■ DATA SUPPLIED ■
========================================================================

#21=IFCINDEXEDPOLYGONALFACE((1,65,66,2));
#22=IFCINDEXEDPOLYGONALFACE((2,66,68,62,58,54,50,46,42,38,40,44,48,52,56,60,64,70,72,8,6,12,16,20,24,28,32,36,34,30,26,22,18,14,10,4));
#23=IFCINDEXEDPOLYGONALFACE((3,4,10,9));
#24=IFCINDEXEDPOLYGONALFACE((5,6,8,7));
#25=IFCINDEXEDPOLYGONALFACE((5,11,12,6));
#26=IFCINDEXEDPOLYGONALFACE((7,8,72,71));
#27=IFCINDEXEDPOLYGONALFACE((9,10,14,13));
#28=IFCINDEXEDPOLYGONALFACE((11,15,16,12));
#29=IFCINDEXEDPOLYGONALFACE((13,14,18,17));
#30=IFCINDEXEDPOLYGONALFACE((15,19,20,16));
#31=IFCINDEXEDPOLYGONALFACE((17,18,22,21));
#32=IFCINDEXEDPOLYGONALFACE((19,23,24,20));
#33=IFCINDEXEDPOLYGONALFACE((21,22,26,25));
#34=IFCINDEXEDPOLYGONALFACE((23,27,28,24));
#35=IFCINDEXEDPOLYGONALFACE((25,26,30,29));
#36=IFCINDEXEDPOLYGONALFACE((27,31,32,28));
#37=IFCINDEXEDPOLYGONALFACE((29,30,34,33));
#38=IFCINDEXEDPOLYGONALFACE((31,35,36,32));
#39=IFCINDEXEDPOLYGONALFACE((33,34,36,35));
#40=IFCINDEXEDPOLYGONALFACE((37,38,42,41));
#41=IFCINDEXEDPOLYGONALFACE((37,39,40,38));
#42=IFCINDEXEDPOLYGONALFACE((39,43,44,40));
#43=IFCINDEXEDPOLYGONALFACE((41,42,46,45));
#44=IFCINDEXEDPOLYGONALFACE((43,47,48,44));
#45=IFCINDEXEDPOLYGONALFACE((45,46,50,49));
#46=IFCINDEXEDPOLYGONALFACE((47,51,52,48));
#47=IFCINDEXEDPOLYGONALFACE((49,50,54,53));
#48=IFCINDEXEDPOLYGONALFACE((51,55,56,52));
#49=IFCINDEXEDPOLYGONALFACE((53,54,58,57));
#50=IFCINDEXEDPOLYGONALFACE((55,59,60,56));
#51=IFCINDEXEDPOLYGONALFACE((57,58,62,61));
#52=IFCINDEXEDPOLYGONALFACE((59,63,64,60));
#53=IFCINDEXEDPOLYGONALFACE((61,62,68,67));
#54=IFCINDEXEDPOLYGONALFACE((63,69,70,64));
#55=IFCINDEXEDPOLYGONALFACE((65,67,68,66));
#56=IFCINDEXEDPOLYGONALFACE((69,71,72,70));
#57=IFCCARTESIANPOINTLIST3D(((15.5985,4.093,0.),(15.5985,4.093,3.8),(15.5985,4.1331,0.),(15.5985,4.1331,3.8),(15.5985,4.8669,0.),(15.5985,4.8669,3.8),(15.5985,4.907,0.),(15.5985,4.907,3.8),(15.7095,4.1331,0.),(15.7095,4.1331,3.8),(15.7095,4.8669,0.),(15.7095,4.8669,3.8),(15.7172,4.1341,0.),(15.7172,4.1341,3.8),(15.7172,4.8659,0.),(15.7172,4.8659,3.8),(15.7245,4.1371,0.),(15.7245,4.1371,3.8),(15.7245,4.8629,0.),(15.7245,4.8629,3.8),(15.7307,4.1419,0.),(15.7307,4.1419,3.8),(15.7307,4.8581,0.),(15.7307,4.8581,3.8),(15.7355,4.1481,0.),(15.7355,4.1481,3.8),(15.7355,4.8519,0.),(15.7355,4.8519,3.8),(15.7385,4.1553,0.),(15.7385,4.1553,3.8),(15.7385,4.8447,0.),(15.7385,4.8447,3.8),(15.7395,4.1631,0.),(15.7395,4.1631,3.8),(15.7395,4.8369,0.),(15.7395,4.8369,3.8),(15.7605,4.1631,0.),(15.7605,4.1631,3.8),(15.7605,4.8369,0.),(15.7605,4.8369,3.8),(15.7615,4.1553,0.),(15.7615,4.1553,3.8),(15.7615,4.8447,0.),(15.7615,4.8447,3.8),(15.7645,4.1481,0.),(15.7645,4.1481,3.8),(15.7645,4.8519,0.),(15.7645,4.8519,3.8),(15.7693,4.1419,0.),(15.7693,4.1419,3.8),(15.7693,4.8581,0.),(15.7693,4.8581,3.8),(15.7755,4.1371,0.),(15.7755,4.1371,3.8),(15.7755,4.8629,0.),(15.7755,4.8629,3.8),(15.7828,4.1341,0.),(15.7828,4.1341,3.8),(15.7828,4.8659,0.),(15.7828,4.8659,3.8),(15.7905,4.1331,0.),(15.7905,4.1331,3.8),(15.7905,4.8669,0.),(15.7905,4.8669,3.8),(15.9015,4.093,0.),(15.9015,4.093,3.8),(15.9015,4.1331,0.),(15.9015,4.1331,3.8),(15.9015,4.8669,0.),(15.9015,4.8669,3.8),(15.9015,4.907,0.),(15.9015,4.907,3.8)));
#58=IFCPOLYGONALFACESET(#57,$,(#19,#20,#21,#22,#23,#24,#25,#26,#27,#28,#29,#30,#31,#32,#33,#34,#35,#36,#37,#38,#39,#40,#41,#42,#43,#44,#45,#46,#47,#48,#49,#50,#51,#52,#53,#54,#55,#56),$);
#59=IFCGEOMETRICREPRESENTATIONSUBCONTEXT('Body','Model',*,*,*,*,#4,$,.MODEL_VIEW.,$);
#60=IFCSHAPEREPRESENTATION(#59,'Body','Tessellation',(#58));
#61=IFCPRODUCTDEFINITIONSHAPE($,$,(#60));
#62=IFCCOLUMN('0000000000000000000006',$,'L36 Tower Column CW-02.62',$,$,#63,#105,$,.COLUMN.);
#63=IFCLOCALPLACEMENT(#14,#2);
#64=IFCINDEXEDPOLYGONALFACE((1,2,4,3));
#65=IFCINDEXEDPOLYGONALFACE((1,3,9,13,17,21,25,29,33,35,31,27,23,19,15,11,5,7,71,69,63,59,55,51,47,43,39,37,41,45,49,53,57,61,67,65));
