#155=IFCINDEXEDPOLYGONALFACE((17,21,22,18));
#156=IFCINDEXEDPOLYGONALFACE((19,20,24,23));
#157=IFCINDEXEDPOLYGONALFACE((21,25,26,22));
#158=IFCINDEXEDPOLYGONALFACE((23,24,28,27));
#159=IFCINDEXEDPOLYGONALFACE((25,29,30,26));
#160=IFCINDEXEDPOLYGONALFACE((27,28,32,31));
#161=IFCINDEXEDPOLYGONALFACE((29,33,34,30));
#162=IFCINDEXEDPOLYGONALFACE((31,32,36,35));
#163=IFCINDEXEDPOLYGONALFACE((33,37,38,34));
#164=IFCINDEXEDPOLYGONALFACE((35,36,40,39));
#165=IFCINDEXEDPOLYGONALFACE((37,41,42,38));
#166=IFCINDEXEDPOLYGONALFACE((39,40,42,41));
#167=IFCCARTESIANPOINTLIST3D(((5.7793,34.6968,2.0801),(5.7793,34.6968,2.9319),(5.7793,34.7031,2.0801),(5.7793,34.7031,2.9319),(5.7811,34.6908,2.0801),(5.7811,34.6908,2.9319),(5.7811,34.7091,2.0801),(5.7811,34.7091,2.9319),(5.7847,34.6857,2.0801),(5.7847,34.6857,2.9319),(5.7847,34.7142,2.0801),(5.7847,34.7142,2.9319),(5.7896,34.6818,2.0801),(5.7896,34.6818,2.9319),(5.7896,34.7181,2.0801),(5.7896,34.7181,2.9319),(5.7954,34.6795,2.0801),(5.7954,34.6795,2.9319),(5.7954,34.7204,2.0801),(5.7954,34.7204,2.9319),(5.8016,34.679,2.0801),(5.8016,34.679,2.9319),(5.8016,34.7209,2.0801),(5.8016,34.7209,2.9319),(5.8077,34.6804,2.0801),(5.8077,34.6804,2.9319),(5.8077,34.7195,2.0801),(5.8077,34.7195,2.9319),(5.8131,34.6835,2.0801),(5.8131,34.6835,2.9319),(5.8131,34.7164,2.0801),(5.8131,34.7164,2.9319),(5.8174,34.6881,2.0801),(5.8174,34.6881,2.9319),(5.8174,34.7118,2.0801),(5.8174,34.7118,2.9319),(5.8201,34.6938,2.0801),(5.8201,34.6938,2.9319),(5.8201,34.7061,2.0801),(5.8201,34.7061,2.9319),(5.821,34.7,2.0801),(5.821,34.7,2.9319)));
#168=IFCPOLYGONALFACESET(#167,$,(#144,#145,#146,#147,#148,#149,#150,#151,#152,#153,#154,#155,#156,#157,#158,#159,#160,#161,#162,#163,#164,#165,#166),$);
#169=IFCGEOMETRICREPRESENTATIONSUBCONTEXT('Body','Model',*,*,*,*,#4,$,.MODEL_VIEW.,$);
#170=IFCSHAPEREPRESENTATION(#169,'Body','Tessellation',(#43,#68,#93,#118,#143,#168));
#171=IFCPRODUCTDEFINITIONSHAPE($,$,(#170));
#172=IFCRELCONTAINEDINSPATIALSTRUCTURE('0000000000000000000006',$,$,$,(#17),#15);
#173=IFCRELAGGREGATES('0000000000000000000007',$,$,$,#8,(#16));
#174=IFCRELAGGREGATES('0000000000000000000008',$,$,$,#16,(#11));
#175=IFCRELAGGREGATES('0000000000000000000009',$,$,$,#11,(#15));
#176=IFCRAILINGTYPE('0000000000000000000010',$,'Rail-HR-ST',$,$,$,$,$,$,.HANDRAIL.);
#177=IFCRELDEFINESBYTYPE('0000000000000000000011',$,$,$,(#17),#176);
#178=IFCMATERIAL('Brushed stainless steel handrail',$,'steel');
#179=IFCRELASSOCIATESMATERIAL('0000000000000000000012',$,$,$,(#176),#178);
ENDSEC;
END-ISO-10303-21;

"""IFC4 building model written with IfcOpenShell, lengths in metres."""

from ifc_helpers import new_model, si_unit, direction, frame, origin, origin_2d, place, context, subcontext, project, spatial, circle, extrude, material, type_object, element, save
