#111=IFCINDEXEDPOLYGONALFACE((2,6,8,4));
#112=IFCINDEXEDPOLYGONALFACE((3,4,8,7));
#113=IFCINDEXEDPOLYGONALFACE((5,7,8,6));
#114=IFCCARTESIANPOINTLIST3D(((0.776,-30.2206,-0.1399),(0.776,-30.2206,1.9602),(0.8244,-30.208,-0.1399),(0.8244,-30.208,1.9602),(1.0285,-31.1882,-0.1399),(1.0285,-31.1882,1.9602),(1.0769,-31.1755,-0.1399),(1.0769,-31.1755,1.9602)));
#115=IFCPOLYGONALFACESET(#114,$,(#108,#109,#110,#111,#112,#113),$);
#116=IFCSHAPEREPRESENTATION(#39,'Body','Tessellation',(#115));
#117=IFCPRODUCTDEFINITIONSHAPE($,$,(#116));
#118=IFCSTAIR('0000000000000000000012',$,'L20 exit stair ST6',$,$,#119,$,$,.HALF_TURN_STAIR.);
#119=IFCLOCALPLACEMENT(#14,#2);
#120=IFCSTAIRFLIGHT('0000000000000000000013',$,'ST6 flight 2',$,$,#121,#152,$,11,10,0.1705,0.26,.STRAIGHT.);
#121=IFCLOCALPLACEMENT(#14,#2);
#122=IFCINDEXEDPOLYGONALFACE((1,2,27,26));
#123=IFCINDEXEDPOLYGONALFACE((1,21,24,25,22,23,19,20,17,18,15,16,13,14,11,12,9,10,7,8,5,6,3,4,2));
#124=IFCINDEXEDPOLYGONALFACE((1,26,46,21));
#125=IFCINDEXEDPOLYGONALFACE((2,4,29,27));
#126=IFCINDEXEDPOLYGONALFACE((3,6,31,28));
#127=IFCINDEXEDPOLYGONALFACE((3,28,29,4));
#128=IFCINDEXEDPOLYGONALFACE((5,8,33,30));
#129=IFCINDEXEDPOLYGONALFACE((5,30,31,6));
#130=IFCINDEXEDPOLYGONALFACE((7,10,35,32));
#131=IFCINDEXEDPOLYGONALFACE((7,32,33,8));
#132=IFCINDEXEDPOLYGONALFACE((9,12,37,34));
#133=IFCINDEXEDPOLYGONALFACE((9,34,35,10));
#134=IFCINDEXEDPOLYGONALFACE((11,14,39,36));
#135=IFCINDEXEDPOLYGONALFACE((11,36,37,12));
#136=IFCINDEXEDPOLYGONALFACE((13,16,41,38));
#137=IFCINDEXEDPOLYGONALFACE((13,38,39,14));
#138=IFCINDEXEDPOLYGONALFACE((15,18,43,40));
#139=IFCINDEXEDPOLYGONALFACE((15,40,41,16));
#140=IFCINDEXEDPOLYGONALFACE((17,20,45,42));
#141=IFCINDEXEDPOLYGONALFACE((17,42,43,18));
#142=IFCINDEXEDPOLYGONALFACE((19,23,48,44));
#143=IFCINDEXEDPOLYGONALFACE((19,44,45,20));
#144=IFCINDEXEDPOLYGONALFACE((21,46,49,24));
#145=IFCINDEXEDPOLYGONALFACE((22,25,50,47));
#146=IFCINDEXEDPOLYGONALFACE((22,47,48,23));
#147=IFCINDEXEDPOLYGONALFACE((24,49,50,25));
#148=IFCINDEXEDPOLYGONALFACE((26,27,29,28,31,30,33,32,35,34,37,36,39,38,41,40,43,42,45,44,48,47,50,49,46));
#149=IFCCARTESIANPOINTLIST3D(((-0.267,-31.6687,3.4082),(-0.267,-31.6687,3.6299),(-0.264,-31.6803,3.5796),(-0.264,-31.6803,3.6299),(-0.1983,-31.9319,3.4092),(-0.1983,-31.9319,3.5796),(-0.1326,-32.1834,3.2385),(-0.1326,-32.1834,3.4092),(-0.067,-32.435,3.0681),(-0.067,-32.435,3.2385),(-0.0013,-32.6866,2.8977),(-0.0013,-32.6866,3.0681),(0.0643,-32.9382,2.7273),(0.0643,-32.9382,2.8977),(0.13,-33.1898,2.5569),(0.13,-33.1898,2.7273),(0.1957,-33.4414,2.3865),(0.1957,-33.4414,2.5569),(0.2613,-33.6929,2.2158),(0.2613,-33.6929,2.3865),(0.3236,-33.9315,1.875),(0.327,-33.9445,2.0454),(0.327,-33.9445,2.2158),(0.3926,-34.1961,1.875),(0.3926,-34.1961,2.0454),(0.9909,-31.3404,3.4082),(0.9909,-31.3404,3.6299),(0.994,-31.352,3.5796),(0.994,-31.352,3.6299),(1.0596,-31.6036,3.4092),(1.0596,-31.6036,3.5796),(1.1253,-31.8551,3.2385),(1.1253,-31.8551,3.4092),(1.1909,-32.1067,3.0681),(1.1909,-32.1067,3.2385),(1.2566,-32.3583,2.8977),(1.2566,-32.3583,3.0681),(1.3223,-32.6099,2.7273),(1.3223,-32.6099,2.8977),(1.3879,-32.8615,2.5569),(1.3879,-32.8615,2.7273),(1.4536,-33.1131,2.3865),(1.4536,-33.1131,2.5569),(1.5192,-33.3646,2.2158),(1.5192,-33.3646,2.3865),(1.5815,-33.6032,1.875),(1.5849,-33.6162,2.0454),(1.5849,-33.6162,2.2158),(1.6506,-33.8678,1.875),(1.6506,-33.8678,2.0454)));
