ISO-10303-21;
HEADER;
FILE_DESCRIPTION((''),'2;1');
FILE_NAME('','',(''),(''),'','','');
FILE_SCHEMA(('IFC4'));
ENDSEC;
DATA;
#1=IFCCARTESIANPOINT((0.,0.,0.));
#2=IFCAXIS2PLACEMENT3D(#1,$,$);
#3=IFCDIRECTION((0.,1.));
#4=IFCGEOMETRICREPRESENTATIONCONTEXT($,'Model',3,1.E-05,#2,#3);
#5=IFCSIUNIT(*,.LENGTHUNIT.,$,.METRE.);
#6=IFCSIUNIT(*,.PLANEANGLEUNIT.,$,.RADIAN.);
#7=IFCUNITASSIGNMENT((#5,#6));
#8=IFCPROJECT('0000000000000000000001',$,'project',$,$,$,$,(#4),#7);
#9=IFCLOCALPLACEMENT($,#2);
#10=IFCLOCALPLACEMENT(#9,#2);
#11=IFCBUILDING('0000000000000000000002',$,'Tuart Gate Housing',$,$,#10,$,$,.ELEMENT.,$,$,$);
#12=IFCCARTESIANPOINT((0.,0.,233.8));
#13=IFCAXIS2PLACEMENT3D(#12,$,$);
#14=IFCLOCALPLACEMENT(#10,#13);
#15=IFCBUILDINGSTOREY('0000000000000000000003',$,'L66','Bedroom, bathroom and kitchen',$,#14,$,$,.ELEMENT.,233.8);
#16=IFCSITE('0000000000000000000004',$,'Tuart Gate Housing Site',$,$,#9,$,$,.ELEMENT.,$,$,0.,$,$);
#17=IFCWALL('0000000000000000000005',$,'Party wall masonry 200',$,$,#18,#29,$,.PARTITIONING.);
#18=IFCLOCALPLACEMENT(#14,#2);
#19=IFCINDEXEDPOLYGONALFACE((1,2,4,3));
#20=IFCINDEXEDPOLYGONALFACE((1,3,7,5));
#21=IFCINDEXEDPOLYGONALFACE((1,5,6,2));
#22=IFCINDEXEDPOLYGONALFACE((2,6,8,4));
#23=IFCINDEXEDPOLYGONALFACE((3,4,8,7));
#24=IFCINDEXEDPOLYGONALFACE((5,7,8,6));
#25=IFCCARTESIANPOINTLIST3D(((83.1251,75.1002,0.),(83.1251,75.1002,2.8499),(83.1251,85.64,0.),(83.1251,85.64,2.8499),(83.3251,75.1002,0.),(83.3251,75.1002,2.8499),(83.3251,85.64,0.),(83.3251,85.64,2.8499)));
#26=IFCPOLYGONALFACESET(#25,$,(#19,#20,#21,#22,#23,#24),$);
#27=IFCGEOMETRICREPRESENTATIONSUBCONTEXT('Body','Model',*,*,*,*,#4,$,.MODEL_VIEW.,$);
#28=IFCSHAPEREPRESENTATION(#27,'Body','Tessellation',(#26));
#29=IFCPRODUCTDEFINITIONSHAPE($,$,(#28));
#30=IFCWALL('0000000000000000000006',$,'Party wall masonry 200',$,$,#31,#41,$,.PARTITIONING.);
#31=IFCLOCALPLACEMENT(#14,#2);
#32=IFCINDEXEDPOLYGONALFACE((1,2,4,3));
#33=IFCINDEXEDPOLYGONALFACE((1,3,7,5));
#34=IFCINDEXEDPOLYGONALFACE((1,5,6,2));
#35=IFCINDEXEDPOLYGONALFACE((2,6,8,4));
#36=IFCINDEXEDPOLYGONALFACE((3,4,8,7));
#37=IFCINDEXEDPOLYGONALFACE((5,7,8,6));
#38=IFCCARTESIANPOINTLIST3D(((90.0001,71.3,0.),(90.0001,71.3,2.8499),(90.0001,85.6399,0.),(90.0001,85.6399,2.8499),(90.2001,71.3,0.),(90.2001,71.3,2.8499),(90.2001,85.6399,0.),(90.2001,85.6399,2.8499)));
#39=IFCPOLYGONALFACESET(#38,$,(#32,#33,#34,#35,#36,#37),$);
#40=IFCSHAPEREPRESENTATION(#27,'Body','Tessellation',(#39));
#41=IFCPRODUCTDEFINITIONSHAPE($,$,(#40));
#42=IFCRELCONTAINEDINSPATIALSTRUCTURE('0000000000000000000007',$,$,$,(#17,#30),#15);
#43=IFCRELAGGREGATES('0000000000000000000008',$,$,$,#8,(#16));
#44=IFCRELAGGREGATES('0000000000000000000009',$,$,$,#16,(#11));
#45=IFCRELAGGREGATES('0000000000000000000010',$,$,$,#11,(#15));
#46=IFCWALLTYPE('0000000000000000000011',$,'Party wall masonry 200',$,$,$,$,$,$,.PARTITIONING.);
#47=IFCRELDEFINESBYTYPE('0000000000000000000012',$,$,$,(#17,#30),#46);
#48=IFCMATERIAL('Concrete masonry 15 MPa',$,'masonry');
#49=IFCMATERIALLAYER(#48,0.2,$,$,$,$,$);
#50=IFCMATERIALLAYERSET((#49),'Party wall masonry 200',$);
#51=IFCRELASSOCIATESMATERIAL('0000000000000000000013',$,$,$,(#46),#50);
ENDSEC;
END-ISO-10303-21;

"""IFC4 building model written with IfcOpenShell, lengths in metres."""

from ifc_helpers import new_model, si_unit, direction, frame, frame_2d, origin, place, context, subcontext, project, spatial, rectangle, extrude, material, layer, layer_set, type_object, element, save


model = new_model("IFC4")

# Units and contexts
model_context = context("Model", 3, precision=1e-05, world=origin(), true_north=direction((0.0, 1.0)))
body_context = subcontext(model_context, "Body", "Model", "MODEL_VIEW")
ifc_project = project(units=[si_unit("LENGTHUNIT", "METRE"), si_unit("PLANEANGLEUNIT", "RADIAN")], contexts=[model_context])

# Site, building, storey
site_placement = place(None, origin())
site = spatial("IfcSite", under=ifc_project, at=site_placement, Name="Tuart Gate Housing Site", CompositionType="ELEMENT", RefElevation=0.0)
building_placement = place(site_placement, origin())
building = spatial("IfcBuilding", under=site, at=building_placement, Name="Tuart Gate Housing", CompositionType="ELEMENT")
storey_placement = place(building_placement, frame((0.0, 0.0, 233.8)))
storey = spatial("IfcBuildingStorey", under=building, at=storey_placement, Name="L66", Description="Bedroom, bathroom and kitchen", CompositionType="ELEMENT", Elevation=233.8)

# Walls
ifc_material_1 = material(Name="Concrete masonry 15 MPa", Category="masonry")
ifc_layer_1 = layer(ifc_material_1, 0.2)
ifc_layer_set_1 = layer_set([ifc_layer_1], Name="Party wall masonry 200")
wall_type_1 = type_object("IfcWallType", Name="Party wall masonry 200", PredefinedType="PARTITIONING", material=ifc_layer_set_1)
wall_1_placement = place(storey_placement, frame((83.2251, 75.1001, 0.0), z_axis=(0.0, 0.0, 1.0), x_axis=(0.0, 1.0, 0.0)))
element("IfcWall", 1, at=wall_1_placement, inside=storey, type_object=wall_type_1, Name="Party wall masonry 200", PredefinedType="PARTITIONING", context=body_context, shape_type="SweptSolid", body=[
    extrude(rectangle(XDim=10.5398, YDim=0.2, at=frame_2d((5.27, 0.0))), origin(), (0.0, 0.0, 1.0), 2.8499),
])
wall_2_placement = place(storey_placement, frame((90.1001, 71.3, 0.0), z_axis=(0.0, 0.0, 1.0), x_axis=(0.0, 1.0, 0.0)))
element("IfcWall", 2, at=wall_2_placement, inside=storey, type_object=wall_type_1, Name="Party wall masonry 200", PredefinedType="PARTITIONING", context=body_context, shape_type="SweptSolid", body=[
    extrude(rectangle(XDim=14.3398, YDim=0.2, at=frame_2d((7.1699, 0.0))), origin(), (0.0, 0.0, 1.0), 2.8499),
])

save(model, "model.ifc")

========================================================================

■ ACTIVITY ■
What is needed is a copy of every line above in which "IFCSIUNIT" appears.

■ EXERCISE SOLUTION ■
#5=IFCSIUNIT(*,.LENGTHUNIT.,$,.METRE.);
#6=IFCSIUNIT(*,.PLANEANGLEUNIT.,$,.RADIAN.);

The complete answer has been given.